**What you need to do:** Among the entries, find each line that includes the string "IFCPOLYGONALFACESET" and list it.

--------

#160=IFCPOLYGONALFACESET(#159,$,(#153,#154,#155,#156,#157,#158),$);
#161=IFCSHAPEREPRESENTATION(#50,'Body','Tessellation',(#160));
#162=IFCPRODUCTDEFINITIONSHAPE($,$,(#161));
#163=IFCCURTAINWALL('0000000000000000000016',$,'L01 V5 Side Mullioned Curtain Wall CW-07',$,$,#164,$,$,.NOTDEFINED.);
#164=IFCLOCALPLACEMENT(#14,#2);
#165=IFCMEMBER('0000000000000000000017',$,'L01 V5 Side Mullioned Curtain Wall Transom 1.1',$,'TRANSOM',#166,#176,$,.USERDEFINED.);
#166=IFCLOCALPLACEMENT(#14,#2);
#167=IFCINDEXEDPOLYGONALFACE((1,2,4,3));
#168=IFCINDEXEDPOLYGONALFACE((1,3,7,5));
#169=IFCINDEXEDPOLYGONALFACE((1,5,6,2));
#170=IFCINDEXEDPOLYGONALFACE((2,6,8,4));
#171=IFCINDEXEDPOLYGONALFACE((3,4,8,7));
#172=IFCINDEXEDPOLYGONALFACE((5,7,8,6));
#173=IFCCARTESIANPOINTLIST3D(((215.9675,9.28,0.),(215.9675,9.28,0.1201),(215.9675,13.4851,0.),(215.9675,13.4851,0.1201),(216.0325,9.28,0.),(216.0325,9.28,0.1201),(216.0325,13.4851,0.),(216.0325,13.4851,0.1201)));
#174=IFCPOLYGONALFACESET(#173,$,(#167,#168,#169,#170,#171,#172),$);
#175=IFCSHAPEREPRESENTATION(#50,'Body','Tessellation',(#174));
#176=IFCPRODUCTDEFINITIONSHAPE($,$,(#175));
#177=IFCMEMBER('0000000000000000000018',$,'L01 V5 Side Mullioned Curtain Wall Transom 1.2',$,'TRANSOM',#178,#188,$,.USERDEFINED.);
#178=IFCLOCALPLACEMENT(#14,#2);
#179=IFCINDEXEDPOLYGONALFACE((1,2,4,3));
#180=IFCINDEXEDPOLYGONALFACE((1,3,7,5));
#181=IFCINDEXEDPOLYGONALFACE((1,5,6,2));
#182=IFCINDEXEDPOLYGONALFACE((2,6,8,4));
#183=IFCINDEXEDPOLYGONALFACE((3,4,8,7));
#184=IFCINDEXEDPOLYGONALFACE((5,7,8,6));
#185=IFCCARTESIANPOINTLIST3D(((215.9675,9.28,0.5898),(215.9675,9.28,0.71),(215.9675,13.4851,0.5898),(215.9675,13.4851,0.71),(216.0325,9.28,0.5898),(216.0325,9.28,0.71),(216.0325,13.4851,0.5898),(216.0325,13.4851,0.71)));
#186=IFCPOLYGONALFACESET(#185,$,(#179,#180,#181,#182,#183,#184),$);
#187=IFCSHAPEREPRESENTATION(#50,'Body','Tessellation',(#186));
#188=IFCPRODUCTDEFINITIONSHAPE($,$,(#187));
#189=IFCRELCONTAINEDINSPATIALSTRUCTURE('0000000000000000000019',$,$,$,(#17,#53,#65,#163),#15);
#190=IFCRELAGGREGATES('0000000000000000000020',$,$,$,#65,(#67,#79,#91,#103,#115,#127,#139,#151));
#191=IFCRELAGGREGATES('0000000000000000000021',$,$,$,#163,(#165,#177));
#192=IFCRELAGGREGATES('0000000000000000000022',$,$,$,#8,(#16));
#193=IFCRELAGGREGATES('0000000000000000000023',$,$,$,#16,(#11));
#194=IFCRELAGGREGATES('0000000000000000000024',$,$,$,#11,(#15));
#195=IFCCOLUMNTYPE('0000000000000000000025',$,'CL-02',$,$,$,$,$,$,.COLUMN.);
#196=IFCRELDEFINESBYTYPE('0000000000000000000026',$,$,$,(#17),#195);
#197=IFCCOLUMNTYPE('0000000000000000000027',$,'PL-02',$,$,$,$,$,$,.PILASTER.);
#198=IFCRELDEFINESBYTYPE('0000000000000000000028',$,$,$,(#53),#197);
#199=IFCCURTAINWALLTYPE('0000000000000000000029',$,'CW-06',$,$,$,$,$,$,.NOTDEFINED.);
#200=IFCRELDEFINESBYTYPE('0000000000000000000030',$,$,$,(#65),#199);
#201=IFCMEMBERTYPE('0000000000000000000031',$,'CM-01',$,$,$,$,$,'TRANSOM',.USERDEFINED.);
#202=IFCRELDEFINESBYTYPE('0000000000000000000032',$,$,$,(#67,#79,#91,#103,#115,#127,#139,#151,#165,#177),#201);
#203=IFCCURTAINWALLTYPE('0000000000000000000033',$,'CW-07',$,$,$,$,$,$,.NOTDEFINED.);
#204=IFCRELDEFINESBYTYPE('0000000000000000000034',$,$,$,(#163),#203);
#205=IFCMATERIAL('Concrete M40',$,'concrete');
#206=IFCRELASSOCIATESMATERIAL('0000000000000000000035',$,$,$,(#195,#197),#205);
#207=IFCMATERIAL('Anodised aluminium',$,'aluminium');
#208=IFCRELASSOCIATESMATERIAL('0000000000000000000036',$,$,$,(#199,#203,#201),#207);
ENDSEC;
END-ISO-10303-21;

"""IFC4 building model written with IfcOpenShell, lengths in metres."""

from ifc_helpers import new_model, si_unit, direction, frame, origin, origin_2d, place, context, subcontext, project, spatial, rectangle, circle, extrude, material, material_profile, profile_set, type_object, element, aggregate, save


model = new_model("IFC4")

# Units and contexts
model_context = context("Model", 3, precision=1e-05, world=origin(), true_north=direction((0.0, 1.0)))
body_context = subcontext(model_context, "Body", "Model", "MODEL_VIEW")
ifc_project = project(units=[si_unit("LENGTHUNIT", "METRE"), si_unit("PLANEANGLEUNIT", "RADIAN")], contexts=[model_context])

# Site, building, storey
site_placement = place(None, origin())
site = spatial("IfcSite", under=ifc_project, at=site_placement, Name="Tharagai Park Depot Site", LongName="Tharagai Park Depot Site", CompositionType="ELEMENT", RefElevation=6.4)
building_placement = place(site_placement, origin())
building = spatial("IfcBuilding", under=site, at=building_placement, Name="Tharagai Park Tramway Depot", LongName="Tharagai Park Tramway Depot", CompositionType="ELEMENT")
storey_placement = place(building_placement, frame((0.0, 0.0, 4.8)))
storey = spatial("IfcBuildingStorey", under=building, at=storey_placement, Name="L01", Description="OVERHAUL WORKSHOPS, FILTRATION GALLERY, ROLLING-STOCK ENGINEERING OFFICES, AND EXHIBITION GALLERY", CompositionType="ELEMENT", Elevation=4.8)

--------

**Solution to this exercise:**
#160=IFCPOLYGONALFACESET(#159,$,(#153,#154,#155,#156,#157,#158),$);
#174=IFCPOLYGONALFACESET(#173,$,(#167,#168,#169,#170,#171,#172),$);
#186=IFCPOLYGONALFACESET(#185,$,(#179,#180,#181,#182,#183,#184),$);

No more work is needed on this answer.